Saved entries
#####

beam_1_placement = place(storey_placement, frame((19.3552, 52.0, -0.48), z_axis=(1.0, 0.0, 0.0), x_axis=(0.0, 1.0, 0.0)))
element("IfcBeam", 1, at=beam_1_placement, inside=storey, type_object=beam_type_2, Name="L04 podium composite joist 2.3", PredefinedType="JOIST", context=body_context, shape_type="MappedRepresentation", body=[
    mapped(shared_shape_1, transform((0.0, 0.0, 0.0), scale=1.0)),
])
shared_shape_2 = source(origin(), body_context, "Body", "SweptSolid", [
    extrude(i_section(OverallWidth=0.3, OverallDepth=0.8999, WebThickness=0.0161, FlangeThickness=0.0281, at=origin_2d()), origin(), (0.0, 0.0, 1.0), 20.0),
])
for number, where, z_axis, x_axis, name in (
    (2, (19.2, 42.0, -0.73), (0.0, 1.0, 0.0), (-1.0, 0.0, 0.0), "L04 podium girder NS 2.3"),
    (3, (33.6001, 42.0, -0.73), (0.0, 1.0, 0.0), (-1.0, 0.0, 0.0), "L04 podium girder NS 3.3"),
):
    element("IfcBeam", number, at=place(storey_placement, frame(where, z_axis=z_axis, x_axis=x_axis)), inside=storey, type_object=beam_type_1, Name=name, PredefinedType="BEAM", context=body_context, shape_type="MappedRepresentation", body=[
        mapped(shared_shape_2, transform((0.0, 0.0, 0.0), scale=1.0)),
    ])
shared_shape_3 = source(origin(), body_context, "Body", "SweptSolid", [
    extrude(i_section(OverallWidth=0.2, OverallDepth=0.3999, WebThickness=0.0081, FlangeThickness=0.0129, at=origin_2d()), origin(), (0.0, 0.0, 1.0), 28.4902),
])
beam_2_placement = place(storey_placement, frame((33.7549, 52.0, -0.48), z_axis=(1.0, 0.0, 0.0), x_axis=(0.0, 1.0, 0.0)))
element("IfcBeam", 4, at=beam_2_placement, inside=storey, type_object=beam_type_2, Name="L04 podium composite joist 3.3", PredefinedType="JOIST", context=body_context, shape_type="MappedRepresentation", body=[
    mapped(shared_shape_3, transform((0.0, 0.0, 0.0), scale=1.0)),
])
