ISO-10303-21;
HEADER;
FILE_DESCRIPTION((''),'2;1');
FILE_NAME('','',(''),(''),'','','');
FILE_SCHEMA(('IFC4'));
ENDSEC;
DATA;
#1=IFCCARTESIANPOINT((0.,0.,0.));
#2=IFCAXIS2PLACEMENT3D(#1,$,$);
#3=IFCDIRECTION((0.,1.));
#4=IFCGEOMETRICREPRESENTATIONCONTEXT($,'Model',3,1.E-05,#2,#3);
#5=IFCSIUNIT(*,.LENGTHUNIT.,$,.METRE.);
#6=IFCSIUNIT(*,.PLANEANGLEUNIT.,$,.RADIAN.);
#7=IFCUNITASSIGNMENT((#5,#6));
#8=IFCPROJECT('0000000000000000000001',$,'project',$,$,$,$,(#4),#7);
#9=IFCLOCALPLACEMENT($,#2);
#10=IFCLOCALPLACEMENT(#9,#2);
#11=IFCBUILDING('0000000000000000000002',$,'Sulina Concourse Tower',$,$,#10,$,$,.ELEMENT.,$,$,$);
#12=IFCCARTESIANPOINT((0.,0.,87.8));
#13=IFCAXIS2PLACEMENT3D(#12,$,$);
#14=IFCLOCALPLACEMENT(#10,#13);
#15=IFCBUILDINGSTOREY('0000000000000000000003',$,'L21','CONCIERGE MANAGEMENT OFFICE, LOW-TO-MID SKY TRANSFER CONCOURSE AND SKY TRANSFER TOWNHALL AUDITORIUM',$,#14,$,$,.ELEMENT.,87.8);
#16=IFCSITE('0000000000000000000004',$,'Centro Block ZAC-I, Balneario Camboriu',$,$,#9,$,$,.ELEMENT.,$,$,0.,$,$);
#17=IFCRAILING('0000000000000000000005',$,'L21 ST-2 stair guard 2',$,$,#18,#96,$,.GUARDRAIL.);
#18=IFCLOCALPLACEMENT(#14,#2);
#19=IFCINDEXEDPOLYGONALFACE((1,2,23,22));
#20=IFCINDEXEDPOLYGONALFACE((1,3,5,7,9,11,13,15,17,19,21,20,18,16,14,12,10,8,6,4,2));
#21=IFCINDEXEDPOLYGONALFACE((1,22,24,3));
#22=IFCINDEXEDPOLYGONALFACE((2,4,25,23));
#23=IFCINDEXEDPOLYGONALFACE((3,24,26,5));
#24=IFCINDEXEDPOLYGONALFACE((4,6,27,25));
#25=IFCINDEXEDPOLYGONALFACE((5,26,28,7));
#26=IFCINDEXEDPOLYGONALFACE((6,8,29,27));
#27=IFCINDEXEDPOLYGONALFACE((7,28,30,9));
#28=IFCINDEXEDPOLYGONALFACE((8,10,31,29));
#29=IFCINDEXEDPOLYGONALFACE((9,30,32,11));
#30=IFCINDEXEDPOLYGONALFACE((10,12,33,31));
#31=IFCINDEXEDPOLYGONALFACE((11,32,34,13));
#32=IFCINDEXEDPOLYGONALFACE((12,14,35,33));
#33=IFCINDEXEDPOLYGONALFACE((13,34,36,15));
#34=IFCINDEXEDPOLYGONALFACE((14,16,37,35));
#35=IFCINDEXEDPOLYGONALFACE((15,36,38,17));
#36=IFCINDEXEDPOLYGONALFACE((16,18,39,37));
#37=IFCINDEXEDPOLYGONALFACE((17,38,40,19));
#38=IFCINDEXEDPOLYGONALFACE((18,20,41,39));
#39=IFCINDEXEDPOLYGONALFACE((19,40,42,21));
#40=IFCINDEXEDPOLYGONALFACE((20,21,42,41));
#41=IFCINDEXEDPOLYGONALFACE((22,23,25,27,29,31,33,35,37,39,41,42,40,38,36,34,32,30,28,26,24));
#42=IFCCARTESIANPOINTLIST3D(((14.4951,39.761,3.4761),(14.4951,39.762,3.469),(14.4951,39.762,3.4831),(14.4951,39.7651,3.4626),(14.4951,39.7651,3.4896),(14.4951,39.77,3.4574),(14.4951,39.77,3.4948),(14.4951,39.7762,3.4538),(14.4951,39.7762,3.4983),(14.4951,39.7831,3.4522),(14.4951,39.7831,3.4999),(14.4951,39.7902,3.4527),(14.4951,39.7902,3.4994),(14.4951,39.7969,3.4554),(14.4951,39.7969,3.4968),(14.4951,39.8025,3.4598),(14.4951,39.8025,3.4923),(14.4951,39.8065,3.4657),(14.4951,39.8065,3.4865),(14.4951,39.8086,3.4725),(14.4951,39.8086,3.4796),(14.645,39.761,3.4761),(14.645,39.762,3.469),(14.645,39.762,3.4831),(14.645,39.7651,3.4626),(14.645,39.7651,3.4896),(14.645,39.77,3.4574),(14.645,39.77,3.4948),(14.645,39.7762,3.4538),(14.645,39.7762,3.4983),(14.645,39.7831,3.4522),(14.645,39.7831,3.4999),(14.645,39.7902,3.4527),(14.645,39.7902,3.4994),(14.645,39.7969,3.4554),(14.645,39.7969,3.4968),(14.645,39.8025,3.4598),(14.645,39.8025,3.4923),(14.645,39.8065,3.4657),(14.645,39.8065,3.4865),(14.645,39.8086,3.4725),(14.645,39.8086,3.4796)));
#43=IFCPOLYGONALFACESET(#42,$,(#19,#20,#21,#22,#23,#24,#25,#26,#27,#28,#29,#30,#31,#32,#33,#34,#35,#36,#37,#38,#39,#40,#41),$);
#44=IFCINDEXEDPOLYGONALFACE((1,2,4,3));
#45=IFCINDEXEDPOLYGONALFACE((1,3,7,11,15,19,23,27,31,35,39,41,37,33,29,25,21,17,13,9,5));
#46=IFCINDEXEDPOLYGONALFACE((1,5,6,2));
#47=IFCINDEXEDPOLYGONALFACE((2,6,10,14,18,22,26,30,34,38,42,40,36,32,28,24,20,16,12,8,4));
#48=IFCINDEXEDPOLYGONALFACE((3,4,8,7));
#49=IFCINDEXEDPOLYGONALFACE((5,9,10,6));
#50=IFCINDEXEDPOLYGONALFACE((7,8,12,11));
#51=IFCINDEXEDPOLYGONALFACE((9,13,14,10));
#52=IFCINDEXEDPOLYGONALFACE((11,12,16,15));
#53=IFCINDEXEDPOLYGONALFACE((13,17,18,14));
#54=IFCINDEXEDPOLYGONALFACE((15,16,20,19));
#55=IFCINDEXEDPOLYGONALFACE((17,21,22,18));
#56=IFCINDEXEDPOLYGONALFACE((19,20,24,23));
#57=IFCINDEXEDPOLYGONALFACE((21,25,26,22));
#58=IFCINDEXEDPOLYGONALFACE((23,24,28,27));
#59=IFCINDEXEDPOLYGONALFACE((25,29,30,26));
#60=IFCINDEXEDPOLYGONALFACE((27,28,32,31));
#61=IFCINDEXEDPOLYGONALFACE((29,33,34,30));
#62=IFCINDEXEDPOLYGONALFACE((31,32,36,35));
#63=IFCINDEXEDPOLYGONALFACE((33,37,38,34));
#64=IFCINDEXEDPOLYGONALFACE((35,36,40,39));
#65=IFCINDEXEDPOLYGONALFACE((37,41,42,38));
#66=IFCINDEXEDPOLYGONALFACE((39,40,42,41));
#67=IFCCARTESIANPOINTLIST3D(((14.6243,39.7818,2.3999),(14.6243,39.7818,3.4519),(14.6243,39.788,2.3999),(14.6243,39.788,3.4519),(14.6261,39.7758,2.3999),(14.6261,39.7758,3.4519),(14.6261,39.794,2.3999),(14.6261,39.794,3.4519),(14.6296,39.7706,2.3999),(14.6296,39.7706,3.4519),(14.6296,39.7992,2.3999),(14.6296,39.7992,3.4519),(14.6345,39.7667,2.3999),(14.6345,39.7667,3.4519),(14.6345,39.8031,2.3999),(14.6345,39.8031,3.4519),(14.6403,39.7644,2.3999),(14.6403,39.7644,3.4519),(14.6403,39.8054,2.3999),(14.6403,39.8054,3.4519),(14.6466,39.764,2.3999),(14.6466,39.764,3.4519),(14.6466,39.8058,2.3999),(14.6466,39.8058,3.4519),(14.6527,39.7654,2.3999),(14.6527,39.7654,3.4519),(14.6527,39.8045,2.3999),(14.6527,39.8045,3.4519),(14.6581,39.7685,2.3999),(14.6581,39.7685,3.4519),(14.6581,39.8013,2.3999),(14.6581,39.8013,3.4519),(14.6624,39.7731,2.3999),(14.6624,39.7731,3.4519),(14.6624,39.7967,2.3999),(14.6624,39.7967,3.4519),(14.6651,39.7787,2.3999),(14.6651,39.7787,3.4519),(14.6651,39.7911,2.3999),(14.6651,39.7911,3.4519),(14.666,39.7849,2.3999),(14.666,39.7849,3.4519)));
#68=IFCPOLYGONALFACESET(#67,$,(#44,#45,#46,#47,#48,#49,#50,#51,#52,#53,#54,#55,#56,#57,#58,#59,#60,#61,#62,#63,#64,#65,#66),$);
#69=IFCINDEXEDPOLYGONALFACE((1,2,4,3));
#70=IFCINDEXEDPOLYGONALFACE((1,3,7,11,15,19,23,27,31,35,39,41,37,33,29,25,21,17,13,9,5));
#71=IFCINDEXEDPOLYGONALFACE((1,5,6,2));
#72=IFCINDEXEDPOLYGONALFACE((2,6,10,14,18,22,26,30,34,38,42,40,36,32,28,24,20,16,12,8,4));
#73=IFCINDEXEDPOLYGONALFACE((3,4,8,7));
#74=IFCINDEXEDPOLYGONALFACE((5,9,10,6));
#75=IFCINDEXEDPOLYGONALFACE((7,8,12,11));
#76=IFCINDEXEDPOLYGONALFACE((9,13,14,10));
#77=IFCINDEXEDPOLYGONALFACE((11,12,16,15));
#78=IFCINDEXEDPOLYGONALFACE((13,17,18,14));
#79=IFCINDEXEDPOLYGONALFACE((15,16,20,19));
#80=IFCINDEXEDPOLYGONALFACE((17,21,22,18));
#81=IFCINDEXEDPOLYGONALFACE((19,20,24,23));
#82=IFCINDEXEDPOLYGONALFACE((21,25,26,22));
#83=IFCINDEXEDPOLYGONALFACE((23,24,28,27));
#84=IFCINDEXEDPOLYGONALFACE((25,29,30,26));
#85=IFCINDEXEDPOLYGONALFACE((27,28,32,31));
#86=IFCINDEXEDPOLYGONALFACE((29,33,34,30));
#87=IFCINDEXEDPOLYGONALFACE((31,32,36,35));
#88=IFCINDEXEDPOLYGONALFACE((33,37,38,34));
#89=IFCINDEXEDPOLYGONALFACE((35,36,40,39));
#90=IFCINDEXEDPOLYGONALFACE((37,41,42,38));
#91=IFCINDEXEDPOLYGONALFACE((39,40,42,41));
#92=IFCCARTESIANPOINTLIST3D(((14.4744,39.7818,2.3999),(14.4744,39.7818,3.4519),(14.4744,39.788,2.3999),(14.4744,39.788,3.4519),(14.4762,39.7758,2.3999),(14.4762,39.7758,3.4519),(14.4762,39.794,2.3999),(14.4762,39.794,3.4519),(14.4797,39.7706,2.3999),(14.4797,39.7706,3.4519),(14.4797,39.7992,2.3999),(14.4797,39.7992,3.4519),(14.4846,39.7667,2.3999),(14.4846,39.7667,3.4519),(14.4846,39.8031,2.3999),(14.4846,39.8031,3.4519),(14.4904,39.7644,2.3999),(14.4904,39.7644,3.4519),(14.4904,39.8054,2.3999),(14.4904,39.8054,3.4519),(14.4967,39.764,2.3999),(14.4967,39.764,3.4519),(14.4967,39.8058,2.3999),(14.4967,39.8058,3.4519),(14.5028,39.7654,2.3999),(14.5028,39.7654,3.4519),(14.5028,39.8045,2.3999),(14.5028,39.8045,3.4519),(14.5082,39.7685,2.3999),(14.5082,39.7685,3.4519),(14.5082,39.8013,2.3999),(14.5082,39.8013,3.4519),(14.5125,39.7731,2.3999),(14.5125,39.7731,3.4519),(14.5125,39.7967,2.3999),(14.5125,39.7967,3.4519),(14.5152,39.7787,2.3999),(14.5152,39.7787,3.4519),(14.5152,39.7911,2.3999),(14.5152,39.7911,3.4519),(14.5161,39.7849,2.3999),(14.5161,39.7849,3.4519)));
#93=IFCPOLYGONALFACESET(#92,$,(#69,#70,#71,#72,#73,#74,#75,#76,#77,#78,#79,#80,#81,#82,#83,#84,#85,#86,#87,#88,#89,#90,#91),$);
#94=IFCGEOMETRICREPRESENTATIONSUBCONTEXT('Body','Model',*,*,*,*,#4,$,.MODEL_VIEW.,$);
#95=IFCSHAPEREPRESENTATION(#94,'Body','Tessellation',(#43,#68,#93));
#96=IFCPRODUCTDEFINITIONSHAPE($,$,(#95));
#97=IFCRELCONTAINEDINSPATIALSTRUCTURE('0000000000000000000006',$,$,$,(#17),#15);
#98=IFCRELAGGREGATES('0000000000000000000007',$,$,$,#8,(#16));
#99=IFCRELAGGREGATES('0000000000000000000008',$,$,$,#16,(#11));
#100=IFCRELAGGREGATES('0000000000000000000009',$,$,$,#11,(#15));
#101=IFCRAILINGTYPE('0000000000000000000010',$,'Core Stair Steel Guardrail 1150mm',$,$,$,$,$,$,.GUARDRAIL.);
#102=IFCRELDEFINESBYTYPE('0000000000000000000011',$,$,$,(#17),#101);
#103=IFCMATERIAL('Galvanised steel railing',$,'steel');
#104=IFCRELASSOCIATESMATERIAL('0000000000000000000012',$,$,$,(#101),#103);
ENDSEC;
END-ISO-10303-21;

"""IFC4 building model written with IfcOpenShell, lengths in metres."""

from ifc_helpers import new_model, si_unit, direction, frame, origin, origin_2d, place, context, subcontext, project, spatial, circle, extrude, material, type_object, element, save


model = new_model("IFC4")

# Units and contexts
model_context = context("Model", 3, precision=1e-05, world=origin(), true_north=direction((0.0, 1.0)))
body_context = subcontext(model_context, "Body", "Model", "MODEL_VIEW")
ifc_project = project(units=[si_unit("LENGTHUNIT", "METRE"), si_unit("PLANEANGLEUNIT", "RADIAN")], contexts=[model_context])

# Site, building, storey
site_placement = place(None, origin())
site = spatial("IfcSite", under=ifc_project, at=site_placement, Name="Centro Block ZAC-I, Balneario Camboriu", CompositionType="ELEMENT", RefElevation=0.0)
building_placement = place(site_placement, origin())
building = spatial("IfcBuilding", under=site, at=building_placement, Name="Sulina Concourse Tower", CompositionType="ELEMENT")
storey_placement = place(building_placement, frame((0.0, 0.0, 87.8)))
storey = spatial("IfcBuildingStorey", under=building, at=storey_placement, Name="L21", Description="CONCIERGE MANAGEMENT OFFICE, LOW-TO-MID SKY TRANSFER CONCOURSE AND SKY TRANSFER TOWNHALL AUDITORIUM", CompositionType="ELEMENT", Elevation=87.8)

# Railing
ifc_material_1 = material(Name="Galvanised steel railing", Category="steel")
railing_type_1 = type_object("IfcRailingType", Name="Core Stair Steel Guardrail 1150mm", PredefinedType="GUARDRAIL", material=ifc_material_1)
railing_1_placement = place(storey_placement, frame((14.645, 39.7849, 2.3999)))
element("IfcRailing", 1, at=railing_1_placement, inside=storey, type_object=railing_type_1, Name="L21 ST-2 stair guard 2", PredefinedType="GUARDRAIL", context=body_context, shape_type="SweptSolid", body=[
    extrude(circle(Radius=0.0239, at=origin_2d()), frame((0.0, 0.0, 1.0762), z_axis=(-1.0, 0.0, 0.0), x_axis=(0.0, -1.0, 0.0)), (0.0, 0.0, 1.0), 0.1499),
    extrude(circle(Radius=0.021, at=origin_2d()), origin(), (0.0, 0.0, 1.0), 1.052),
    extrude(circle(Radius=0.021, at=origin_2d()), frame((-0.1499, 0.0, 0.0)), (0.0, 0.0, 1.0), 1.052),
])

save(model, "model.ifc")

#####

*Work to be completed*
Identify every line above that includes the word "IFCLOCALPLACEMENT", and show those lines.

*Exercise result*
#9=IFCLOCALPLACEMENT($,#2);
#10=IFCLOCALPLACEMENT(#9,#2);
#14=IFCLOCALPLACEMENT(#10,#13);
#18=IFCLOCALPLACEMENT(#14,#2);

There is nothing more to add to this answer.